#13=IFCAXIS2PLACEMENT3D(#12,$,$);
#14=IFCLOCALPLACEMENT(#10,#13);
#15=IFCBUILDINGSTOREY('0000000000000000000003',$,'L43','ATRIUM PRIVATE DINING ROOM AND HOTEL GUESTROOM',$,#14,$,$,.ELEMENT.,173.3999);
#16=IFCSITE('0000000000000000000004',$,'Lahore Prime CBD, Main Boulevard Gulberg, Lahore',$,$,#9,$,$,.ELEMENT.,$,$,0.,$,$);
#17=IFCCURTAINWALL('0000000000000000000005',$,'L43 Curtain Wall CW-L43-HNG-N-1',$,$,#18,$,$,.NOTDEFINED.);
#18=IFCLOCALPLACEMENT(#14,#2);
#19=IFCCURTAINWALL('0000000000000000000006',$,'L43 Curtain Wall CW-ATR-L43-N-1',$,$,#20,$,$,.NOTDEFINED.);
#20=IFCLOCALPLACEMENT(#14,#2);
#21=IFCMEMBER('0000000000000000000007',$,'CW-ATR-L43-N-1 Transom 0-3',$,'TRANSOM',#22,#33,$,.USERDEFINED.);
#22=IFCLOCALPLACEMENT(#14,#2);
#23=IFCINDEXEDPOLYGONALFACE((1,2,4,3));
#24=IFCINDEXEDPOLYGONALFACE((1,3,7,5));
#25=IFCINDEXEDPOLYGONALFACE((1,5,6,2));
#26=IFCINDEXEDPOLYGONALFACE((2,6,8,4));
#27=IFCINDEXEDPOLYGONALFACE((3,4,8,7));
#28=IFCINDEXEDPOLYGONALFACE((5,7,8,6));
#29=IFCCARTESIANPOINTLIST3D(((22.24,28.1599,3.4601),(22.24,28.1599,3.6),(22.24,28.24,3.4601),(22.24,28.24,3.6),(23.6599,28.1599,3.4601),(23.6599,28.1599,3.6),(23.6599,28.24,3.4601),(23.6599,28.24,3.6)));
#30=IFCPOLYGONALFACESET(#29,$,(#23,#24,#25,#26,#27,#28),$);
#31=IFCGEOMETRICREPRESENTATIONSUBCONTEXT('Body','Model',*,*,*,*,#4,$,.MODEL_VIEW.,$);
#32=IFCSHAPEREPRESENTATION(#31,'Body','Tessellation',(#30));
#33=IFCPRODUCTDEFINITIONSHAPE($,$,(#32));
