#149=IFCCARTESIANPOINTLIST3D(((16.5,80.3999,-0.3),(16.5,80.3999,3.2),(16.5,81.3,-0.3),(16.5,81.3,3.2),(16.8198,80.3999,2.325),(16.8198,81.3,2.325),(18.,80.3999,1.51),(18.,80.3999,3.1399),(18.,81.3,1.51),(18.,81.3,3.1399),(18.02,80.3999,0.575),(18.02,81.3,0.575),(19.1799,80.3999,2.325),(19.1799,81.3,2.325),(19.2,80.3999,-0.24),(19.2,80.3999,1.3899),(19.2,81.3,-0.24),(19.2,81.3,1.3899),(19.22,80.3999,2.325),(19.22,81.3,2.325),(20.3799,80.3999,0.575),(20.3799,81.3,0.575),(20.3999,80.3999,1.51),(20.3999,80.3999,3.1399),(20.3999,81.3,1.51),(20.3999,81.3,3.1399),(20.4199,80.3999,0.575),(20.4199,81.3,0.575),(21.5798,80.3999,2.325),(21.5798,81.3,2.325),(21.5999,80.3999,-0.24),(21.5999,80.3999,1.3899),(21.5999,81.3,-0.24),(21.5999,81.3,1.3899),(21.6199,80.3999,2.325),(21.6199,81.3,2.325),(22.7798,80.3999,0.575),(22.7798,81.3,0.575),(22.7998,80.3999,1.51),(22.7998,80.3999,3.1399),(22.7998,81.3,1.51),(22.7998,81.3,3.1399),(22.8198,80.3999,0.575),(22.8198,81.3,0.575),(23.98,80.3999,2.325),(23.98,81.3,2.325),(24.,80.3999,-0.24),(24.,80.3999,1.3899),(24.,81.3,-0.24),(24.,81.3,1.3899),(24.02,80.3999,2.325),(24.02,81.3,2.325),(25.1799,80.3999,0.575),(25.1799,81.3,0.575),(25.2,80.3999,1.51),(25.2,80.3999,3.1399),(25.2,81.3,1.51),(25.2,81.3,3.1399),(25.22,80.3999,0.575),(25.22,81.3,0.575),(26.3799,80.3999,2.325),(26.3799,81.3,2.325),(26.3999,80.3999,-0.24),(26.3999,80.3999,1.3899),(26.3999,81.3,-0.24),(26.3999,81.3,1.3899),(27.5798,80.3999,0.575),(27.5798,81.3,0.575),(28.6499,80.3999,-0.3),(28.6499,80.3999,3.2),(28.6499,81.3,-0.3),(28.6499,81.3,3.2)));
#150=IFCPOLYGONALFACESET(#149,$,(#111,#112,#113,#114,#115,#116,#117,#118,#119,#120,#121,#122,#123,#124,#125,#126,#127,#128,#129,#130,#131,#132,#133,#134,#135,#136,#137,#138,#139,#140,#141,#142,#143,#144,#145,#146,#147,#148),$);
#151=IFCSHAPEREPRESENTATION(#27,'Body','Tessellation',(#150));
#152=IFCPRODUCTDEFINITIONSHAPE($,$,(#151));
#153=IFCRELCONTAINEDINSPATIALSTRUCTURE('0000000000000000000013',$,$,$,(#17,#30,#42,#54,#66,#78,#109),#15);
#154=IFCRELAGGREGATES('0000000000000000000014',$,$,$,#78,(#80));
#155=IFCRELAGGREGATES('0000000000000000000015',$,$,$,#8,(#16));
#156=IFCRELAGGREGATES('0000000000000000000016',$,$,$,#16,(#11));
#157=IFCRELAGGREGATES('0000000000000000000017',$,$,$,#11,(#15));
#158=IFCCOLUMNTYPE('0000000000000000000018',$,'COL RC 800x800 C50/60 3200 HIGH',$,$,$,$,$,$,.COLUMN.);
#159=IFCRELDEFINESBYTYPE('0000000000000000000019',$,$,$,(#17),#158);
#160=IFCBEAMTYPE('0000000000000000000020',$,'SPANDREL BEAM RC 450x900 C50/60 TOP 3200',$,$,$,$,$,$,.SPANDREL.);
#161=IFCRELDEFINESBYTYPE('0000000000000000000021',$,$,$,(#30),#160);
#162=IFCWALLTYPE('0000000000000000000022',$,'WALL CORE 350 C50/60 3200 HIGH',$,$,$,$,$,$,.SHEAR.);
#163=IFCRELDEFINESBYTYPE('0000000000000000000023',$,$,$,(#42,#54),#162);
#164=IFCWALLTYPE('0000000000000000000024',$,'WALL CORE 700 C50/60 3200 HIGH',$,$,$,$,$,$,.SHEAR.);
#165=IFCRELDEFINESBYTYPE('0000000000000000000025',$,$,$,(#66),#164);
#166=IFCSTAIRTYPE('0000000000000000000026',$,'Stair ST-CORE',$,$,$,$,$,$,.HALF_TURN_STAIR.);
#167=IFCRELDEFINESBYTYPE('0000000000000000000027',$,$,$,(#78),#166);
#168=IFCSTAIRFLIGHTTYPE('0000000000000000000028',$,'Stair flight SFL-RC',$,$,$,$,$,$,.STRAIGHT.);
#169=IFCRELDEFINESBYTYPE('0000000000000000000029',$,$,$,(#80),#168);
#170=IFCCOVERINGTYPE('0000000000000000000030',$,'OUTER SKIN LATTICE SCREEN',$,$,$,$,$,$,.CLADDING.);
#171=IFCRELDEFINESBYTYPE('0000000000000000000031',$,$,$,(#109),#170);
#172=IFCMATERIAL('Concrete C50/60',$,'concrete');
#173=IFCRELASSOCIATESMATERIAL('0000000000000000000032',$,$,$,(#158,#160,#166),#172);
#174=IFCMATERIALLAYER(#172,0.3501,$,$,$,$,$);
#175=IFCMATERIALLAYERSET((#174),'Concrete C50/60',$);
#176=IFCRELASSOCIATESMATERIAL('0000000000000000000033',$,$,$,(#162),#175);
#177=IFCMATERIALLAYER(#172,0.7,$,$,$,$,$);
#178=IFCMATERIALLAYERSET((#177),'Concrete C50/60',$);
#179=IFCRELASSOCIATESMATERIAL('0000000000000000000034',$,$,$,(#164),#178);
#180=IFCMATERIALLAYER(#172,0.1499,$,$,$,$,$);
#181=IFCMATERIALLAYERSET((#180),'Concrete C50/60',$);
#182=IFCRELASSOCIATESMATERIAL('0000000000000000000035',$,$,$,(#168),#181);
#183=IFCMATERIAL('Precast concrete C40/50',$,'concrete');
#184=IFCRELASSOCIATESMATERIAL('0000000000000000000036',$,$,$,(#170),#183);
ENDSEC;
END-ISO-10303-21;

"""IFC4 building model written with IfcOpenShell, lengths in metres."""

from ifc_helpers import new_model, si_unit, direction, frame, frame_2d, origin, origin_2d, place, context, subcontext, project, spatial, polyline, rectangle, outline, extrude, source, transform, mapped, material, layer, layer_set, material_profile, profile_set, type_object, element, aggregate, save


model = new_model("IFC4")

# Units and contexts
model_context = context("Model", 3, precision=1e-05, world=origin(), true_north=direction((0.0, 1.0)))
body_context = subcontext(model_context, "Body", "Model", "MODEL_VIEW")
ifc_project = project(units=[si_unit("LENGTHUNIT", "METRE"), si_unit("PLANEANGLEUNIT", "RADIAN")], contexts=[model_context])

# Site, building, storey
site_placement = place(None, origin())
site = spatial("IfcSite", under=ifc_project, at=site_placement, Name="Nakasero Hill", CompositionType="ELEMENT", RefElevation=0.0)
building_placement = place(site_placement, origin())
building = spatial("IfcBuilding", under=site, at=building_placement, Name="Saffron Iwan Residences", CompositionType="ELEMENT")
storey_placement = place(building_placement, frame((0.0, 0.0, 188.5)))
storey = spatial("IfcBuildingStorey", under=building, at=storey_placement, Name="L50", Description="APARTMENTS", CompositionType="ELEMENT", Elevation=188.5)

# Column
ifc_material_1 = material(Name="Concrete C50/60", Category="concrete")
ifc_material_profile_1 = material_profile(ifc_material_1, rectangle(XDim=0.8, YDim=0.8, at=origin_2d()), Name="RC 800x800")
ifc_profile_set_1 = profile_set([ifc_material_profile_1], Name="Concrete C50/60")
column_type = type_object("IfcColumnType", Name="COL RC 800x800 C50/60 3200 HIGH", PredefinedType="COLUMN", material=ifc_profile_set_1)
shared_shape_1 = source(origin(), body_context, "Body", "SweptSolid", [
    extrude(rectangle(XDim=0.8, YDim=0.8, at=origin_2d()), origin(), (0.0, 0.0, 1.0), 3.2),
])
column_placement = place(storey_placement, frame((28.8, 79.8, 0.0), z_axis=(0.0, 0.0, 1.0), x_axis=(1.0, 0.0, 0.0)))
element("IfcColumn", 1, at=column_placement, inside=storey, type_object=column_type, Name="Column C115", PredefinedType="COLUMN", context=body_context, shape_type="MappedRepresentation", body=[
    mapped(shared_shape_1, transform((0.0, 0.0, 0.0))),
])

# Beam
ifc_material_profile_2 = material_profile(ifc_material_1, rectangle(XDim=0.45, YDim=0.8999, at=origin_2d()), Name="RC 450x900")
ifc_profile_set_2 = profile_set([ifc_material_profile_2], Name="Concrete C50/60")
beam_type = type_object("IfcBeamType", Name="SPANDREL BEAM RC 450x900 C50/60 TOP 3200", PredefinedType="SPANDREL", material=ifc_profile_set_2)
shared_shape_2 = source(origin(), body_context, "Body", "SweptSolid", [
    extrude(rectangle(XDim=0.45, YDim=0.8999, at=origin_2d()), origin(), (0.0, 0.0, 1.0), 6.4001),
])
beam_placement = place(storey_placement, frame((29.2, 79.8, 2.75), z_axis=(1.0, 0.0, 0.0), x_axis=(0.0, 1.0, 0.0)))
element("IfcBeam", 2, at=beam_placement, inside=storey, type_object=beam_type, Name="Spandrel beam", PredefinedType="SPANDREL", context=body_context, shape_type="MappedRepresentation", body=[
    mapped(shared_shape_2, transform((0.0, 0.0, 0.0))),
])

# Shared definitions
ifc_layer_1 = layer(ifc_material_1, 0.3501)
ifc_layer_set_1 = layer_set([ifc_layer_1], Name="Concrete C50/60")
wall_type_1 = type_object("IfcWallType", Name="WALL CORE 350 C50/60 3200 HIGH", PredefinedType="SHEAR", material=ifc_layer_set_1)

+ + + +

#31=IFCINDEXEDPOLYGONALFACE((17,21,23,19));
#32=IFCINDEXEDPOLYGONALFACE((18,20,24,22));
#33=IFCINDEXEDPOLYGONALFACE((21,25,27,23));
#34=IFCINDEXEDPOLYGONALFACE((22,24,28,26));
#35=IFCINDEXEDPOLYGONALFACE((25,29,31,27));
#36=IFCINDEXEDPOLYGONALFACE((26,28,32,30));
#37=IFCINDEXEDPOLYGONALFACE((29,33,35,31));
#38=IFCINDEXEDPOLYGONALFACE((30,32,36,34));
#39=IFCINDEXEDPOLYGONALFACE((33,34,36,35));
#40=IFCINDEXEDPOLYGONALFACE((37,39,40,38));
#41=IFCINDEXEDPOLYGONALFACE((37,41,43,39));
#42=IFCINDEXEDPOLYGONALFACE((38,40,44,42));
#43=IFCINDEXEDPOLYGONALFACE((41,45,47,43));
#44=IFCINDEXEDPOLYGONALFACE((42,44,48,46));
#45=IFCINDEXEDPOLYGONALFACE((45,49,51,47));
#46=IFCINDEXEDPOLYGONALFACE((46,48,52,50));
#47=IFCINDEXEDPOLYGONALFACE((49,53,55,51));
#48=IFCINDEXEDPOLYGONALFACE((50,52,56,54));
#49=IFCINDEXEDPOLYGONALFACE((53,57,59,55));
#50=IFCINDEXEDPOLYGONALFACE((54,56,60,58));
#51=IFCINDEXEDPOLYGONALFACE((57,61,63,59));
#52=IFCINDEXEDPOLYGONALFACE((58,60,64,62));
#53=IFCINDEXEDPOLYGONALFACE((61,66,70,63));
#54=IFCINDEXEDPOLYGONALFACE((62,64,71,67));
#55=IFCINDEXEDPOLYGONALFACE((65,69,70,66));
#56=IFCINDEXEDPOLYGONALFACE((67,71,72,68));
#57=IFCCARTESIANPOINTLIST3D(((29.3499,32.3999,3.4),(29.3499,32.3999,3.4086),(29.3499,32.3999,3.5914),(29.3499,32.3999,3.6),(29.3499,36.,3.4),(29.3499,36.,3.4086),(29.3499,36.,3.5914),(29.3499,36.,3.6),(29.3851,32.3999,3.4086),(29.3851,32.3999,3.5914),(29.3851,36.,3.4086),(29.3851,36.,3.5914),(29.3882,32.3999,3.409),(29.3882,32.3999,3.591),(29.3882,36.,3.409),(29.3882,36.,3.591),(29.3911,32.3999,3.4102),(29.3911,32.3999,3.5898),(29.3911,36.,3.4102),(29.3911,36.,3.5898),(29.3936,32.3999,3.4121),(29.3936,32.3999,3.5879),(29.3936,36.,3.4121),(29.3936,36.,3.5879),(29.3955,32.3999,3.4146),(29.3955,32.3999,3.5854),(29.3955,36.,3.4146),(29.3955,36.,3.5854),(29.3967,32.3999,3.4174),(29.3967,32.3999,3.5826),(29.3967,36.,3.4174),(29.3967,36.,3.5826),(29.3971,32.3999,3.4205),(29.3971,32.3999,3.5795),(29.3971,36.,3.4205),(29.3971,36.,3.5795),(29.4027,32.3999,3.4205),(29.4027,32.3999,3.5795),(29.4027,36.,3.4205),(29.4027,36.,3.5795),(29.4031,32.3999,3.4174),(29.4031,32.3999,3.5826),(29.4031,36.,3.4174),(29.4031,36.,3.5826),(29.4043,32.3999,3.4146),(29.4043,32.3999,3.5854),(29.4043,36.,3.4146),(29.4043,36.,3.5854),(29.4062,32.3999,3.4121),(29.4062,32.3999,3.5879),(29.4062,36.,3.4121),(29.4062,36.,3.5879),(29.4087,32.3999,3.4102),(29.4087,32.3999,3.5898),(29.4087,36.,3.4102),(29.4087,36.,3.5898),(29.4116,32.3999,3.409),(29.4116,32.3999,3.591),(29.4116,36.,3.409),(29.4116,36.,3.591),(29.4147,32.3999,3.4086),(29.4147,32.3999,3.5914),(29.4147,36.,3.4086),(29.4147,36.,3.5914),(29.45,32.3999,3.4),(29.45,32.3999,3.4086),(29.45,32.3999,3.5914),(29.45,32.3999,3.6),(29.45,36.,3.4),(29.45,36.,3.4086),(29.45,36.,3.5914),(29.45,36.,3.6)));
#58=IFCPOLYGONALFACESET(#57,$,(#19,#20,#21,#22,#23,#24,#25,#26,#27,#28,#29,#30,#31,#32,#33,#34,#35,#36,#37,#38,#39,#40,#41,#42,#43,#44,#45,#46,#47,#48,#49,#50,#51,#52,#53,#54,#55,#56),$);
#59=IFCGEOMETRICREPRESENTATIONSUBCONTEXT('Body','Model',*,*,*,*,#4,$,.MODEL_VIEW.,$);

+ + + +

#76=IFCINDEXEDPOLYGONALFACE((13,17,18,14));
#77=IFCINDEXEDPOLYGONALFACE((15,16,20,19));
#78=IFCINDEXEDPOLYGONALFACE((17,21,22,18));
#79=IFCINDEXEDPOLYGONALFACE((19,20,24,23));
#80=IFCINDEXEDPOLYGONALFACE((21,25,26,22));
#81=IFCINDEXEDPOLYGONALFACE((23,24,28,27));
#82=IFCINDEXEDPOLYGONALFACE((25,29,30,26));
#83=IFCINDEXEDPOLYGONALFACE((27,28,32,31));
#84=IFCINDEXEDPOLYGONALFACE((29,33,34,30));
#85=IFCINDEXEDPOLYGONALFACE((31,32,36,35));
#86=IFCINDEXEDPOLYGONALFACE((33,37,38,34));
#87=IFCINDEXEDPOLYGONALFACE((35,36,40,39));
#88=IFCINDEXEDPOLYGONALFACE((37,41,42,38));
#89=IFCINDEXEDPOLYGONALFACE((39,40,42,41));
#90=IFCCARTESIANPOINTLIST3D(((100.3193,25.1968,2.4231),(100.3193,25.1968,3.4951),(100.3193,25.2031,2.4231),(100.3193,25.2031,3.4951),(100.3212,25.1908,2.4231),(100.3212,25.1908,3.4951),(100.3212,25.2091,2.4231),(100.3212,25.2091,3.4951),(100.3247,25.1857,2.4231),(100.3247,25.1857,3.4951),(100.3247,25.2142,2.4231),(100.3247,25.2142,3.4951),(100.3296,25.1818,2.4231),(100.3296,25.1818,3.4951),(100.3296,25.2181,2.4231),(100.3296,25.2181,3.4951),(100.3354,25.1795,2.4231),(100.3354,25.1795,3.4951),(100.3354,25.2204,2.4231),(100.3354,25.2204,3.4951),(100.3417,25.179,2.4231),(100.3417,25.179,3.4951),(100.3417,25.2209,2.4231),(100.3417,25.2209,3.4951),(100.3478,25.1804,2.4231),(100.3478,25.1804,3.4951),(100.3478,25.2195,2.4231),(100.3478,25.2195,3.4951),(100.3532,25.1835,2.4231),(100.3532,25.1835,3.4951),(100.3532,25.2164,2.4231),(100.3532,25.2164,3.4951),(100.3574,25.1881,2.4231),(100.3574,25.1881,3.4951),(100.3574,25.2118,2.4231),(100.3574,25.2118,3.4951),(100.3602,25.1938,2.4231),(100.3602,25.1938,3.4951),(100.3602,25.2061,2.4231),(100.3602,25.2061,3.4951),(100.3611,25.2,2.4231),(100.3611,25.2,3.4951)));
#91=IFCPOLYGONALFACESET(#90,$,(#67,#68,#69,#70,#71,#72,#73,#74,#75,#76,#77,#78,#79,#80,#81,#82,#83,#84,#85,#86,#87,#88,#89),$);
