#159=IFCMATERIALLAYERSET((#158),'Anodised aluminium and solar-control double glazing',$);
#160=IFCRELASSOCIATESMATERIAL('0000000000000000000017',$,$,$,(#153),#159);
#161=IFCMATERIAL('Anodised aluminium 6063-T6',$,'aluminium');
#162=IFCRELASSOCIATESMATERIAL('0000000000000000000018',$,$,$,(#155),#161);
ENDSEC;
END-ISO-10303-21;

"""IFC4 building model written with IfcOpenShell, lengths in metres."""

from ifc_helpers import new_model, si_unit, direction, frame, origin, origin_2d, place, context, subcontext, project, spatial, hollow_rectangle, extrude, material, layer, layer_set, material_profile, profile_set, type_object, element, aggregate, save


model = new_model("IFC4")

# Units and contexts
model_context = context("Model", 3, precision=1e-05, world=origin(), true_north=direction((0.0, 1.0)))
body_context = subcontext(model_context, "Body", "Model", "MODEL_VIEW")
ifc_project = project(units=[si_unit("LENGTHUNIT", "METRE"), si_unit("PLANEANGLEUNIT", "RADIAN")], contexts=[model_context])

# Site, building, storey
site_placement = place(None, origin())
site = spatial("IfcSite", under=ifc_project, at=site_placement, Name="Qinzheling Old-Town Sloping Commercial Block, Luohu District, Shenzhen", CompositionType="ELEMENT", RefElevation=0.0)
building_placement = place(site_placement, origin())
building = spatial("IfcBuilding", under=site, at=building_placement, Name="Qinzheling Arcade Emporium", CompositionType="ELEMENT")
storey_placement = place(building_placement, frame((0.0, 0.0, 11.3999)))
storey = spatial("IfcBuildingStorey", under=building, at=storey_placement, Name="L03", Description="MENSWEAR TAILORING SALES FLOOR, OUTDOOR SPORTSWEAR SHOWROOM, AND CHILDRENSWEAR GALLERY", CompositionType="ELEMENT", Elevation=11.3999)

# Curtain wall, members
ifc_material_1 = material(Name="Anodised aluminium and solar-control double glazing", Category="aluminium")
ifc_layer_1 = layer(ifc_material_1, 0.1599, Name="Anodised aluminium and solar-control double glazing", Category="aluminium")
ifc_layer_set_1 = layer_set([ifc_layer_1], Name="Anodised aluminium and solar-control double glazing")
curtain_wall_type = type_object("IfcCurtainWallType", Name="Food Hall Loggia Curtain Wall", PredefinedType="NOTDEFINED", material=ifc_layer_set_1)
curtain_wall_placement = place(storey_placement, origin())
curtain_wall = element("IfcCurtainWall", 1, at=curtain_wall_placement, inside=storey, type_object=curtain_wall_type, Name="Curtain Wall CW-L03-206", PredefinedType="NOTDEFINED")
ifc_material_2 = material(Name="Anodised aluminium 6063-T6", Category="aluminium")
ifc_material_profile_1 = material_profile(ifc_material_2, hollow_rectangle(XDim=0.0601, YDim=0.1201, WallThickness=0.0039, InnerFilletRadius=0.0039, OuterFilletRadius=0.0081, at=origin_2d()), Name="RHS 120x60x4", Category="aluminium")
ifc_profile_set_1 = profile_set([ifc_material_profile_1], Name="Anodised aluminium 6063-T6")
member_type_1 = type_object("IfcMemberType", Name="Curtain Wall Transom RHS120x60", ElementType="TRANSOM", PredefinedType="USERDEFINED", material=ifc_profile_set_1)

+ + + +

Work task
Scan the listing above and copy all lines containing the word "direction".

Answer space
from ifc_helpers import new_model, si_unit, direction, frame, frame_2d, origin, origin_2d, place, context, subcontext, project, spatial, polyline, rectangle, outline, extrude, source, transform, mapped, material, layer, layer_set, material_profile, profile_set, type_object, element, aggregate, save
model_context = context("Model", 3, precision=1e-05, world=origin(), true_north=direction((0.0, 1.0)))
from ifc_helpers import new_model, si_unit, direction, frame, origin, origin_2d, place, context, subcontext, project, spatial, hollow_rectangle, extrude, material, layer, layer_set, material_profile, profile_set, type_object, element, aggregate, save
model_context = context("Model", 3, precision=1e-05, world=origin(), true_north=direction((0.0, 1.0)))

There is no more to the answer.